Start of Block

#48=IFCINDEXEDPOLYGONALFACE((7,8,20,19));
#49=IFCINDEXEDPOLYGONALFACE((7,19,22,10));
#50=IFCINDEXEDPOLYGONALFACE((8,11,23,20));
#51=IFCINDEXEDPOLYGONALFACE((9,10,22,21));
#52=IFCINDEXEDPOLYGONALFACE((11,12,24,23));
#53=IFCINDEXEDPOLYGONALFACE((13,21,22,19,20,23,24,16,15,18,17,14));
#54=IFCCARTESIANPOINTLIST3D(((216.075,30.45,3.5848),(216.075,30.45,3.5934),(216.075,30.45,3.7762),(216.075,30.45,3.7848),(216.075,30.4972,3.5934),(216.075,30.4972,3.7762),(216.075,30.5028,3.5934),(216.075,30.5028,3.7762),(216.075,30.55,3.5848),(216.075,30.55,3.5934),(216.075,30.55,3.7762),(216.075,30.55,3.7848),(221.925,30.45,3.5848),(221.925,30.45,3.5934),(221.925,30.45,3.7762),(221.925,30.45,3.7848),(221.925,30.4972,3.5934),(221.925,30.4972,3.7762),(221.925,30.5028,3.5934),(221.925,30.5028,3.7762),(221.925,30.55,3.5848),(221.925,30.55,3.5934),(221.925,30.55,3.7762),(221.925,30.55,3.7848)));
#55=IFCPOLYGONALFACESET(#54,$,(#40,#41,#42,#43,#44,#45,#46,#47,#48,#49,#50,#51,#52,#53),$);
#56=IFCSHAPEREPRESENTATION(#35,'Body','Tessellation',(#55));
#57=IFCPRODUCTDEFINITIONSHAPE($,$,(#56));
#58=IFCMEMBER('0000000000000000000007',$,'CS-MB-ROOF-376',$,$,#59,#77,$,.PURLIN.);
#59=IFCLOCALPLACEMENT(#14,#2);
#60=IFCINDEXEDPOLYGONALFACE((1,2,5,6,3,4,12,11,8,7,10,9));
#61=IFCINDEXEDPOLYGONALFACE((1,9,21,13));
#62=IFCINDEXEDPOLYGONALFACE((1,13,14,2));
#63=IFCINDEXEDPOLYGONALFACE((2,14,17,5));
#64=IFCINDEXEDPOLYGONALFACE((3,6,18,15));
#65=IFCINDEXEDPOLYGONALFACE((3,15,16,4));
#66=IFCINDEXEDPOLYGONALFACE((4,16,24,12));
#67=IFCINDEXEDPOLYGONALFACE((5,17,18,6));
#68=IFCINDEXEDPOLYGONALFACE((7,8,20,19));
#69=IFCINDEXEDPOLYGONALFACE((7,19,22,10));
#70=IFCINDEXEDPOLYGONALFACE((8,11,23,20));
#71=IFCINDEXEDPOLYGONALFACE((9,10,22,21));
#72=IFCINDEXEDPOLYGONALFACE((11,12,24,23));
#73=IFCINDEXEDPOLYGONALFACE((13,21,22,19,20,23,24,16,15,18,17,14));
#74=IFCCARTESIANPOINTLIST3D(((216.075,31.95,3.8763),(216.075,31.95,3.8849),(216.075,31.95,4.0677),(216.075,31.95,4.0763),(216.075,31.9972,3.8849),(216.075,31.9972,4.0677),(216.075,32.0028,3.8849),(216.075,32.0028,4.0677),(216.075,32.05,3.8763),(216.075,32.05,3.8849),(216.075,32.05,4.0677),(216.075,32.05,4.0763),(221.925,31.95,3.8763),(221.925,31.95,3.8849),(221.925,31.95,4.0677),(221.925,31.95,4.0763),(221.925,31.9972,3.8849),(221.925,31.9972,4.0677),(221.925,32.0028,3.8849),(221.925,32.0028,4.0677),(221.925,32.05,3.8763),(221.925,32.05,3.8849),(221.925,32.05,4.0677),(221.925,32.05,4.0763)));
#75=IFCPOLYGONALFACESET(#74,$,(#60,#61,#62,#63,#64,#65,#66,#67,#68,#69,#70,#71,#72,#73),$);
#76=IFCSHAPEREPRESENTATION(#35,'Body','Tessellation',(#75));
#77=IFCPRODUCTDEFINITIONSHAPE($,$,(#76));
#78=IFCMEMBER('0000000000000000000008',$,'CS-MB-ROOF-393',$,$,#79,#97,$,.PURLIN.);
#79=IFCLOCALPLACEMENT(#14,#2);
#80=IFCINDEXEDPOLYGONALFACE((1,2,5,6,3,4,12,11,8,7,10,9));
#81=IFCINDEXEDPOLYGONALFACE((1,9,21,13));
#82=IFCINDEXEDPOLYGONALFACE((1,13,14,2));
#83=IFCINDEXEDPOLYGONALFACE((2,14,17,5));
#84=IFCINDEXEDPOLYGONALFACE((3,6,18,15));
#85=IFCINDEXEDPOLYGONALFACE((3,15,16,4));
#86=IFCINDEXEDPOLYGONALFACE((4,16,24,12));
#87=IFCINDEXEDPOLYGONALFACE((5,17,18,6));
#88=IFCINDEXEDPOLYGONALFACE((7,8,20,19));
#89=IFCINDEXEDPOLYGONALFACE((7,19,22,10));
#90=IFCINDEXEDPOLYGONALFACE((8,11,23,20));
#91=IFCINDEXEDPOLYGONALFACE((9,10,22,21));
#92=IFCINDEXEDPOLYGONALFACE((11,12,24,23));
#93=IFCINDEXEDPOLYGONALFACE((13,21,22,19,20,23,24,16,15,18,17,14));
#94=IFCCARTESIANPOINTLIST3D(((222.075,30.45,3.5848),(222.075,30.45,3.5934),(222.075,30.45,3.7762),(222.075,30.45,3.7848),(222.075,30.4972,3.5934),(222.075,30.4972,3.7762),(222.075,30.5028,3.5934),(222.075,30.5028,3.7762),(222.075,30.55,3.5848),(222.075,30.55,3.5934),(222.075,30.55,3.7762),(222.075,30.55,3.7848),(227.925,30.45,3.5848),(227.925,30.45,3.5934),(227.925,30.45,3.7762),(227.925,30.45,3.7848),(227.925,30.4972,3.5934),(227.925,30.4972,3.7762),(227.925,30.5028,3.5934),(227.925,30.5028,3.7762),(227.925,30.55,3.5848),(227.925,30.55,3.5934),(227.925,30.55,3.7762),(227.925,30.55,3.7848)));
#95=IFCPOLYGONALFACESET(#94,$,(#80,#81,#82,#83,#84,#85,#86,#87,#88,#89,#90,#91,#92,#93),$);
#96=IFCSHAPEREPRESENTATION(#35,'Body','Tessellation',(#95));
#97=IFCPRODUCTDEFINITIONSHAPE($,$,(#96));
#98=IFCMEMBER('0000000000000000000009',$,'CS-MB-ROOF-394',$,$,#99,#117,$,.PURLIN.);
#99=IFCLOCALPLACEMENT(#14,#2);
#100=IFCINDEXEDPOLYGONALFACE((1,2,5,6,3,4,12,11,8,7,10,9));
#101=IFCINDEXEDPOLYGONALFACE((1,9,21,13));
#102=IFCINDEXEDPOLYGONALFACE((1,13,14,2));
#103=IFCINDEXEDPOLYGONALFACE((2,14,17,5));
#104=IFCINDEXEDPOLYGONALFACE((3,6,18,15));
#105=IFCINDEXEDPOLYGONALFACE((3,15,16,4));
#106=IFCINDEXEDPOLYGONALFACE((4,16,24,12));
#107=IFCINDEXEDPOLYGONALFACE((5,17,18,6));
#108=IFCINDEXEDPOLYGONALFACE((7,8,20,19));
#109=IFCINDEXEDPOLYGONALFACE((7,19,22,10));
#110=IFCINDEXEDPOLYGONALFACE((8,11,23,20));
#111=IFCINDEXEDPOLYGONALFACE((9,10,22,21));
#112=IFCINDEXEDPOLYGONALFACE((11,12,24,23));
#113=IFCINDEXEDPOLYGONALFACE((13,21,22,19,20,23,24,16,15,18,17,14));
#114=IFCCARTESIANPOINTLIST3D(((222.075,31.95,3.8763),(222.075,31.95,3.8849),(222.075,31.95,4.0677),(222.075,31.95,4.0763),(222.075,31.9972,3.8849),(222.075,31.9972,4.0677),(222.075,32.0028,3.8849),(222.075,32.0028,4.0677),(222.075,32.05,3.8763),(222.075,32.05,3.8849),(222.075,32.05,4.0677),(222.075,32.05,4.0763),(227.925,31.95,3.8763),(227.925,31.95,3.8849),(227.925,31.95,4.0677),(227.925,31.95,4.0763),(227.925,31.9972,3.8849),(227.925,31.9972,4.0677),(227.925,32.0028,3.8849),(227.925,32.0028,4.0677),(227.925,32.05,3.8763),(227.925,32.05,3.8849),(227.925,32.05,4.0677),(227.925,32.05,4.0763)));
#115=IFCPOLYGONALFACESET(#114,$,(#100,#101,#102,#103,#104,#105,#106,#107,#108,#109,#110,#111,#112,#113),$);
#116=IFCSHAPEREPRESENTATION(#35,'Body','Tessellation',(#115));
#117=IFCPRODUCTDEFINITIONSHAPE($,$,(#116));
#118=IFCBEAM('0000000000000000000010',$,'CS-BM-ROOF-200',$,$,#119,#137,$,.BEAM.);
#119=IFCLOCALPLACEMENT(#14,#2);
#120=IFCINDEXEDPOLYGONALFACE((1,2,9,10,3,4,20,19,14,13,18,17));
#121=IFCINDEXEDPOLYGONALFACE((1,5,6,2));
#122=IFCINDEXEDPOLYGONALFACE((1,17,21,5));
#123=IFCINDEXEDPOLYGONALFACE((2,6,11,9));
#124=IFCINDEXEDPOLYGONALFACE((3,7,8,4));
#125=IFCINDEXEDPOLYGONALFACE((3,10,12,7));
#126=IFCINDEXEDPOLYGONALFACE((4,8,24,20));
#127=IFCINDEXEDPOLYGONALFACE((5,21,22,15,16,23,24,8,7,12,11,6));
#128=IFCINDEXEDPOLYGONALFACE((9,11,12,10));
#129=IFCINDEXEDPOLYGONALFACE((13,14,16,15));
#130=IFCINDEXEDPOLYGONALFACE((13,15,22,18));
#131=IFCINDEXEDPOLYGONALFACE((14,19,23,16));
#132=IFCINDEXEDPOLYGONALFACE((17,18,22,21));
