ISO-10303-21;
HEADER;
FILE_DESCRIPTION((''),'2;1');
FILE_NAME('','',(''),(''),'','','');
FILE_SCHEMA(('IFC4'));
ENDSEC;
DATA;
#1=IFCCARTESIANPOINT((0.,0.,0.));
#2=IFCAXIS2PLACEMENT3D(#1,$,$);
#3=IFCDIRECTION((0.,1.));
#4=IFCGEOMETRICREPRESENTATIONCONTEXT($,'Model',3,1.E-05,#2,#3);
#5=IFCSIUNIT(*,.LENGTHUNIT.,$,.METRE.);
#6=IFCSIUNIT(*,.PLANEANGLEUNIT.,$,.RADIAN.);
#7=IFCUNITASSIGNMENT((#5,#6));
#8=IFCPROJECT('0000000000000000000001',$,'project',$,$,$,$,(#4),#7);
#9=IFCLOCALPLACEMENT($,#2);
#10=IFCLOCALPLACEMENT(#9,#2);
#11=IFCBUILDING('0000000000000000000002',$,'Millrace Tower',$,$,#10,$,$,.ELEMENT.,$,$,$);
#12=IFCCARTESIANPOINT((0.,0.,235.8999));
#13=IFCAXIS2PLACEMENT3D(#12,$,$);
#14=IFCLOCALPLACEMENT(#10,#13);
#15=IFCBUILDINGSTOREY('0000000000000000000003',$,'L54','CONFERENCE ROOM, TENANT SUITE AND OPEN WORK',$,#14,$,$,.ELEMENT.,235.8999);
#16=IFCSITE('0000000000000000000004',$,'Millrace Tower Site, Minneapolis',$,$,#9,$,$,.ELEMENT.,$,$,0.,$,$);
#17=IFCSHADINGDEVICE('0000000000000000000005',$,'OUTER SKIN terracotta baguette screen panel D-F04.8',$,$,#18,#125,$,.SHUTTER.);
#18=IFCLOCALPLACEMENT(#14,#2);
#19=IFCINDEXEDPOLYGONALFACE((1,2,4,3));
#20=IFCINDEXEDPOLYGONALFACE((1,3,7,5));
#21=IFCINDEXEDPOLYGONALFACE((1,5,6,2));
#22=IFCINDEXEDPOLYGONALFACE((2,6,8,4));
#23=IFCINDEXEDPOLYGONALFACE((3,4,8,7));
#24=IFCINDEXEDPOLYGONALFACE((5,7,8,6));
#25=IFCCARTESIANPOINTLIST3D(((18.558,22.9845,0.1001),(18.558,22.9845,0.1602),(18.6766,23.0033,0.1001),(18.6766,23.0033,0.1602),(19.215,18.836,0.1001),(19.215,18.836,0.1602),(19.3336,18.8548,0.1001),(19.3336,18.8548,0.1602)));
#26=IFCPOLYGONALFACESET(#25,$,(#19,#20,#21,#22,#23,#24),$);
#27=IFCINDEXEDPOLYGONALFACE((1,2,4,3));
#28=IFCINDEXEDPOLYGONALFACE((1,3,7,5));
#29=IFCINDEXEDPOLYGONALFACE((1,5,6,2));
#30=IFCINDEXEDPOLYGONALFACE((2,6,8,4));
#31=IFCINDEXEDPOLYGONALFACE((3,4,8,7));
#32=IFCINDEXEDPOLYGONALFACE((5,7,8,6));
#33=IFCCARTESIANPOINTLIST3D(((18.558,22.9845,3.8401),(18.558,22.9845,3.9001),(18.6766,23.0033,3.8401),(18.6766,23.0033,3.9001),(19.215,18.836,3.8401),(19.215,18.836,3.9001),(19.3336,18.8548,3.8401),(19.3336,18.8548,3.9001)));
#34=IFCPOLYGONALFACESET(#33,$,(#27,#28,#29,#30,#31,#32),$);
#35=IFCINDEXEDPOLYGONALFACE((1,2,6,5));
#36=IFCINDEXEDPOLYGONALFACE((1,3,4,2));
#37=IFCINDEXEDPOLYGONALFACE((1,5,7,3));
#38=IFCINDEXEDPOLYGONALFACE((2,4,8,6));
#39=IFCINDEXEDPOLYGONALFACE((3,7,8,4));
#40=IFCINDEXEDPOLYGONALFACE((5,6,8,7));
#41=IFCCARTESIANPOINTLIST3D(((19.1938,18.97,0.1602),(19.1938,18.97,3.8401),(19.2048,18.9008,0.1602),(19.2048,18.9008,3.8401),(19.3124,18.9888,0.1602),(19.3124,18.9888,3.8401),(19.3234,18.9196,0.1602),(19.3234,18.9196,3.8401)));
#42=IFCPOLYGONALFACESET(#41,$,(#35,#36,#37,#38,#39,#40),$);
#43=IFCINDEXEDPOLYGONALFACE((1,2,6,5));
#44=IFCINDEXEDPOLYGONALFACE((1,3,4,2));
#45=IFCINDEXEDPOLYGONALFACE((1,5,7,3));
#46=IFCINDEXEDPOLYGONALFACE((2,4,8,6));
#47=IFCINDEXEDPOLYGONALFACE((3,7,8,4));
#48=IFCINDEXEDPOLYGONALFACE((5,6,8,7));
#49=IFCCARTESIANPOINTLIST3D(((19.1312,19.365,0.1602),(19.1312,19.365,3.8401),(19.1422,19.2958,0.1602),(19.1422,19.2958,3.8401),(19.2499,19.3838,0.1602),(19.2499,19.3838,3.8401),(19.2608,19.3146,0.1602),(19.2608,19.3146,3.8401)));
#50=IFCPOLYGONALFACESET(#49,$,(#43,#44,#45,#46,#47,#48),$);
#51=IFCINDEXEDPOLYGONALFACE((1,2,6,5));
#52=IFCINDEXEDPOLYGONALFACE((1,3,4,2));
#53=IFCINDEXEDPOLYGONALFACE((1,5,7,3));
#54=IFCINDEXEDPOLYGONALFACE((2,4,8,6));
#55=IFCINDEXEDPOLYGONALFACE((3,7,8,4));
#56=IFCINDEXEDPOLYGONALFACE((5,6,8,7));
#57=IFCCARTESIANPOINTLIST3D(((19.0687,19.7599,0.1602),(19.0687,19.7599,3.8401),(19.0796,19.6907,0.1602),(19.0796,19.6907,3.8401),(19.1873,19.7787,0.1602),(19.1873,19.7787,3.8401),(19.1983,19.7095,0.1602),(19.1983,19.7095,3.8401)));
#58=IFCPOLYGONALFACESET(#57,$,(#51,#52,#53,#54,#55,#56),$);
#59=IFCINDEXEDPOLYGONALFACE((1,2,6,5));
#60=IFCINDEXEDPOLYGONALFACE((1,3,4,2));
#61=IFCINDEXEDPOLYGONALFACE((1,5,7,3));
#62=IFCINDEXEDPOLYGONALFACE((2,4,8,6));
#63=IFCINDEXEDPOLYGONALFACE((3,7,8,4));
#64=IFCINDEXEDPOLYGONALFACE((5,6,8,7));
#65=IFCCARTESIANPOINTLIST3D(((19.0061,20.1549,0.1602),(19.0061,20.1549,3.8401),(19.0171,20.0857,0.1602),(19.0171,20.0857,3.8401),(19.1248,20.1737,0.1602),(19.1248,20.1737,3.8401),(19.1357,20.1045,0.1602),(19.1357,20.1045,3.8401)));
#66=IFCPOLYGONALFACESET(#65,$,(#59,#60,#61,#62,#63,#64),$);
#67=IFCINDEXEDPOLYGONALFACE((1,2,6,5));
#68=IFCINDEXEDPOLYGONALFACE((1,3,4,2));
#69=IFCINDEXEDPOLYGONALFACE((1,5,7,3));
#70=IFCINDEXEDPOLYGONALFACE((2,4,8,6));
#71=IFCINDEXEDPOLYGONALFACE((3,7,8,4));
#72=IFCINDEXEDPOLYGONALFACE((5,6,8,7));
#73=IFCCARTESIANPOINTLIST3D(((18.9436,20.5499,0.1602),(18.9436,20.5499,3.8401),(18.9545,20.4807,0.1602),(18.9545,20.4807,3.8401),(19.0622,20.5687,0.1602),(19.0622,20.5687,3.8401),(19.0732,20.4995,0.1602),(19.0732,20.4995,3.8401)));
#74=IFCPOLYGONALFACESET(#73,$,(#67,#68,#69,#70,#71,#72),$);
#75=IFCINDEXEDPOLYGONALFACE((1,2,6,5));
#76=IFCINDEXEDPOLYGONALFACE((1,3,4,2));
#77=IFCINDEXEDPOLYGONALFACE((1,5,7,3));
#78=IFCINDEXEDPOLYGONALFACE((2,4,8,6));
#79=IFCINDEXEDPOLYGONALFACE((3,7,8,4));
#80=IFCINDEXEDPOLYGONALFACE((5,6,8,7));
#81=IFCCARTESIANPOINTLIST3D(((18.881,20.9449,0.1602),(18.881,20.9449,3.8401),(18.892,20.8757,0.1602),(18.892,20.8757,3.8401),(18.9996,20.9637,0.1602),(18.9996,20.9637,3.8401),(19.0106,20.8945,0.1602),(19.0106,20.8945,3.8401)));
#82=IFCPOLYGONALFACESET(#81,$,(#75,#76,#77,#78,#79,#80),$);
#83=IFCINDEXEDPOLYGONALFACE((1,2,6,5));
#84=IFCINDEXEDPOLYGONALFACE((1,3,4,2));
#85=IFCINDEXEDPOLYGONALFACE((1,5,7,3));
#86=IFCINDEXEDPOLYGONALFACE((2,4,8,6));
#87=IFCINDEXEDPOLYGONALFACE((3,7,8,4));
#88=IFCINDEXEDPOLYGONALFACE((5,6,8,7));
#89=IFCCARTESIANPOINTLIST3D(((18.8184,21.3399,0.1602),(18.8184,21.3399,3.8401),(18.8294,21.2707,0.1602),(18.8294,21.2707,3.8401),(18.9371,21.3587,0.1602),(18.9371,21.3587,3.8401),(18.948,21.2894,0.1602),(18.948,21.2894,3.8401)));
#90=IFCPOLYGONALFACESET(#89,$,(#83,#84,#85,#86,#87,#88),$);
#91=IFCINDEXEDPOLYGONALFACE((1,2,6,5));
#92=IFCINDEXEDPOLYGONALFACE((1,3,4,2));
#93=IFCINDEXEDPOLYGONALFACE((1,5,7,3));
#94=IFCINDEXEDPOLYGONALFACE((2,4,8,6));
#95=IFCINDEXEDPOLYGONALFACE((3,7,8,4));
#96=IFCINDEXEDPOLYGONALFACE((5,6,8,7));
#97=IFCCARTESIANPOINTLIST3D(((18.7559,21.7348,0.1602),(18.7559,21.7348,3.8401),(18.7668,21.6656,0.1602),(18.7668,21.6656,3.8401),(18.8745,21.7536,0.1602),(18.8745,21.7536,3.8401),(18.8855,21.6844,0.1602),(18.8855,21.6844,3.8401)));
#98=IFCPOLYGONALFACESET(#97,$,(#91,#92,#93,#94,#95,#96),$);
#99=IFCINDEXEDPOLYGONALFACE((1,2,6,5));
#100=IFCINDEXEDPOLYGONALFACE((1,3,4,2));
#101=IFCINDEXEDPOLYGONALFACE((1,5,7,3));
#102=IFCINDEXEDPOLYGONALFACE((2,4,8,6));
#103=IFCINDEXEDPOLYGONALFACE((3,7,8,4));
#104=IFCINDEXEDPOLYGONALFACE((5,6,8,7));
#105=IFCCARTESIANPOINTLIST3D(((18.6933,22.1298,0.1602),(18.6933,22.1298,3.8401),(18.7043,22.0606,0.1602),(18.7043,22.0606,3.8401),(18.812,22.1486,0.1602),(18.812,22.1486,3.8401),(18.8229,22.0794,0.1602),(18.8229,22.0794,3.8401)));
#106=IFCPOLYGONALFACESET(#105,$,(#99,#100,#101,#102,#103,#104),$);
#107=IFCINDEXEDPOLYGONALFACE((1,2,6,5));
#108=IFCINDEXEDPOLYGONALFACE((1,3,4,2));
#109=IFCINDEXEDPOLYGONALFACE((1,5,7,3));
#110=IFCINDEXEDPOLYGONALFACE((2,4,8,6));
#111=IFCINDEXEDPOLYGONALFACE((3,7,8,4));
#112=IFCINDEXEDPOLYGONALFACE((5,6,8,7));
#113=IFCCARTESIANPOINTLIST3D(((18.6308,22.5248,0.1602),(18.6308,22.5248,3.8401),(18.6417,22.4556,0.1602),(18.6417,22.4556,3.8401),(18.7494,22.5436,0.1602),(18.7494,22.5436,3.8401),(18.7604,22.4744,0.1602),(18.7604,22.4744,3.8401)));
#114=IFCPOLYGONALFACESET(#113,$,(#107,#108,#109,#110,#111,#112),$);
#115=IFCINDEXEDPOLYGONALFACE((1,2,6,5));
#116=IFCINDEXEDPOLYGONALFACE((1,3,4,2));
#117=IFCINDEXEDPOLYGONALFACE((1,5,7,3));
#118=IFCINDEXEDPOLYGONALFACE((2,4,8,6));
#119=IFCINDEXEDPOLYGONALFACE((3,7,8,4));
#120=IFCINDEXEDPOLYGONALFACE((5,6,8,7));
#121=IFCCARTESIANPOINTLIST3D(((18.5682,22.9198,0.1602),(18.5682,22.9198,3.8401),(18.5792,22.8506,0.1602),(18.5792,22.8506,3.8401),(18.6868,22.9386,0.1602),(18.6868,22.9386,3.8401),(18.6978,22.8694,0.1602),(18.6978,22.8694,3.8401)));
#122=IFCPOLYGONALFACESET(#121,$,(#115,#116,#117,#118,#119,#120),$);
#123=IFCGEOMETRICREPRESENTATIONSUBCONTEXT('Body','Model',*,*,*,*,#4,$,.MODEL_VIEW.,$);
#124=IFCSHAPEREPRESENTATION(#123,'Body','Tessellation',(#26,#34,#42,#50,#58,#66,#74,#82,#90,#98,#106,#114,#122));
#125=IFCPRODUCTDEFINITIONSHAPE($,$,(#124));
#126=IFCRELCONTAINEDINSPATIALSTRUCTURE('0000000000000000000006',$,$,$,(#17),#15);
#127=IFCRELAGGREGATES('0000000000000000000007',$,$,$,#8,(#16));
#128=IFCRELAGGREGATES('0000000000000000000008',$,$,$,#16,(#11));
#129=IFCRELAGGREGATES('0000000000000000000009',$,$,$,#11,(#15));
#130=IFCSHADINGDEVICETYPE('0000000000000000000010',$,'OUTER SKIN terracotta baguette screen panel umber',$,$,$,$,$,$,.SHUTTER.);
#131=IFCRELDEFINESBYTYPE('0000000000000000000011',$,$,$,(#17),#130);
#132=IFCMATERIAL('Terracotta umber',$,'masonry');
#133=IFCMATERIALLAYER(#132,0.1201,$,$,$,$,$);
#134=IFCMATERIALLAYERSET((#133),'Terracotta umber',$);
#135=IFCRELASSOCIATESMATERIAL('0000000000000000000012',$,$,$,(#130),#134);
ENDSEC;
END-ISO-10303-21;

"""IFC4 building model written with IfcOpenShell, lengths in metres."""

from ifc_helpers import new_model, entity, si_unit, direction, frame, frame_2d, origin, origin_2d, place, context, subcontext, project, spatial, rectangle, extrude, source, transform, mapped, material, layer, layer_set, type_object, element, save


model = new_model("IFC4")

# Units and contexts
model_context = context("Model", 3, precision=1e-05, world=origin(), true_north=direction((0.0, 1.0)))
body_context = subcontext(model_context, "Body", "Model", "MODEL_VIEW")
ifc_project = project(units=[si_unit("LENGTHUNIT", "METRE"), si_unit("PLANEANGLEUNIT", "RADIAN")], contexts=[model_context])

# Site, building, storey
site_placement = place(None, origin())
site = spatial("IfcSite", under=ifc_project, at=site_placement, Name="Millrace Tower Site, Minneapolis", CompositionType="ELEMENT", RefElevation=0.0)
building_placement = place(site_placement, origin())
building = spatial("IfcBuilding", under=site, at=building_placement, Name="Millrace Tower", CompositionType="ELEMENT")
storey_placement = place(building_placement, frame((0.0, 0.0, 235.8999)))
storey = spatial("IfcBuildingStorey", under=building, at=storey_placement, Name="L54", Description="CONFERENCE ROOM, TENANT SUITE AND OPEN WORK", CompositionType="ELEMENT", Elevation=235.8999)

# Shading device
ifc_material_1 = material(Name="Terracotta umber", Category="masonry")
ifc_layer_1 = layer(ifc_material_1, 0.1201)
ifc_layer_set_1 = layer_set([ifc_layer_1], Name="Terracotta umber")
shading_device_type = type_object("IfcShadingDeviceType", Name="OUTER SKIN terracotta baguette screen panel umber", PredefinedType="SHUTTER", material=ifc_layer_set_1)
cartesian_point = entity("IfcCartesianPoint", [-2.1001, 0.0601])
shared_polyline = entity("IfcPolyline", [cartesian_point, entity("IfcCartesianPoint", [2.1001, 0.0601]), entity("IfcCartesianPoint", [2.1001, -0.0601]), entity("IfcCartesianPoint", [-2.1001, -0.0601]), cartesian_point])
shared_shape = source(origin(), body_context, "Body", "SweptSolid", [
    entity("IfcExtrudedAreaSolid", entity("IfcArbitraryClosedProfileDef", "AREA", None, shared_polyline), entity("IfcAxis2Placement3D", entity("IfcCartesianPoint", [0.0, 0.0, 0.0])), entity("IfcDirection", [0.0, 0.0, 1.0]), 0.0601),
    entity("IfcExtrudedAreaSolid", entity("IfcArbitraryClosedProfileDef", "AREA", None, shared_polyline), entity("IfcAxis2Placement3D", entity("IfcCartesianPoint", [0.0, 0.0, 3.74])), entity("IfcDirection", [0.0, 0.0, 1.0]), 0.0601),
    extrude(rectangle(XDim=0.0701, YDim=0.1201, at=frame_2d((-1.9995, 0.0))), frame((0.0, 0.0, 0.0601)), (0.0, 0.0, 1.0), 3.6799),
    extrude(rectangle(XDim=0.0701, YDim=0.1201, at=frame_2d((-1.5996, 0.0))), frame((0.0, 0.0, 0.0601)), (0.0, 0.0, 1.0), 3.6799),
    extrude(rectangle(XDim=0.0701, YDim=0.1201, at=frame_2d((-1.1997, 0.0))), frame((0.0, 0.0, 0.0601)), (0.0, 0.0, 1.0), 3.6799),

End of Block

TASK DETAILS
Above are the records; copy exactly the lines from the line with "#60=IFCINDEXEDPOLYGONALFACE((1,3,4,2));" through the line with "#80=IFCINDEXEDPOLYGONALFACE((5,6,8,7));", both included.

TASK SOLUTION
#60=IFCINDEXEDPOLYGONALFACE((1,3,4,2));
#61=IFCINDEXEDPOLYGONALFACE((1,5,7,3));
#62=IFCINDEXEDPOLYGONALFACE((2,4,8,6));
#63=IFCINDEXEDPOLYGONALFACE((3,7,8,4));
#64=IFCINDEXEDPOLYGONALFACE((5,6,8,7));
#65=IFCCARTESIANPOINTLIST3D(((19.0061,20.1549,0.1602),(19.0061,20.1549,3.8401),(19.0171,20.0857,0.1602),(19.0171,20.0857,3.8401),(19.1248,20.1737,0.1602),(19.1248,20.1737,3.8401),(19.1357,20.1045,0.1602),(19.1357,20.1045,3.8401)));
#66=IFCPOLYGONALFACESET(#65,$,(#59,#60,#61,#62,#63,#64),$);
#67=IFCINDEXEDPOLYGONALFACE((1,2,6,5));
#68=IFCINDEXEDPOLYGONALFACE((1,3,4,2));
#69=IFCINDEXEDPOLYGONALFACE((1,5,7,3));
#70=IFCINDEXEDPOLYGONALFACE((2,4,8,6));
#71=IFCINDEXEDPOLYGONALFACE((3,7,8,4));
#72=IFCINDEXEDPOLYGONALFACE((5,6,8,7));
#73=IFCCARTESIANPOINTLIST3D(((18.9436,20.5499,0.1602),(18.9436,20.5499,3.8401),(18.9545,20.4807,0.1602),(18.9545,20.4807,3.8401),(19.0622,20.5687,0.1602),(19.0622,20.5687,3.8401),(19.0732,20.4995,0.1602),(19.0732,20.4995,3.8401)));
#74=IFCPOLYGONALFACESET(#73,$,(#67,#68,#69,#70,#71,#72),$);
#75=IFCINDEXEDPOLYGONALFACE((1,2,6,5));
#76=IFCINDEXEDPOLYGONALFACE((1,3,4,2));
#77=IFCINDEXEDPOLYGONALFACE((1,5,7,3));
#78=IFCINDEXEDPOLYGONALFACE((2,4,8,6));
#79=IFCINDEXEDPOLYGONALFACE((3,7,8,4));
#80=IFCINDEXEDPOLYGONALFACE((5,6,8,7));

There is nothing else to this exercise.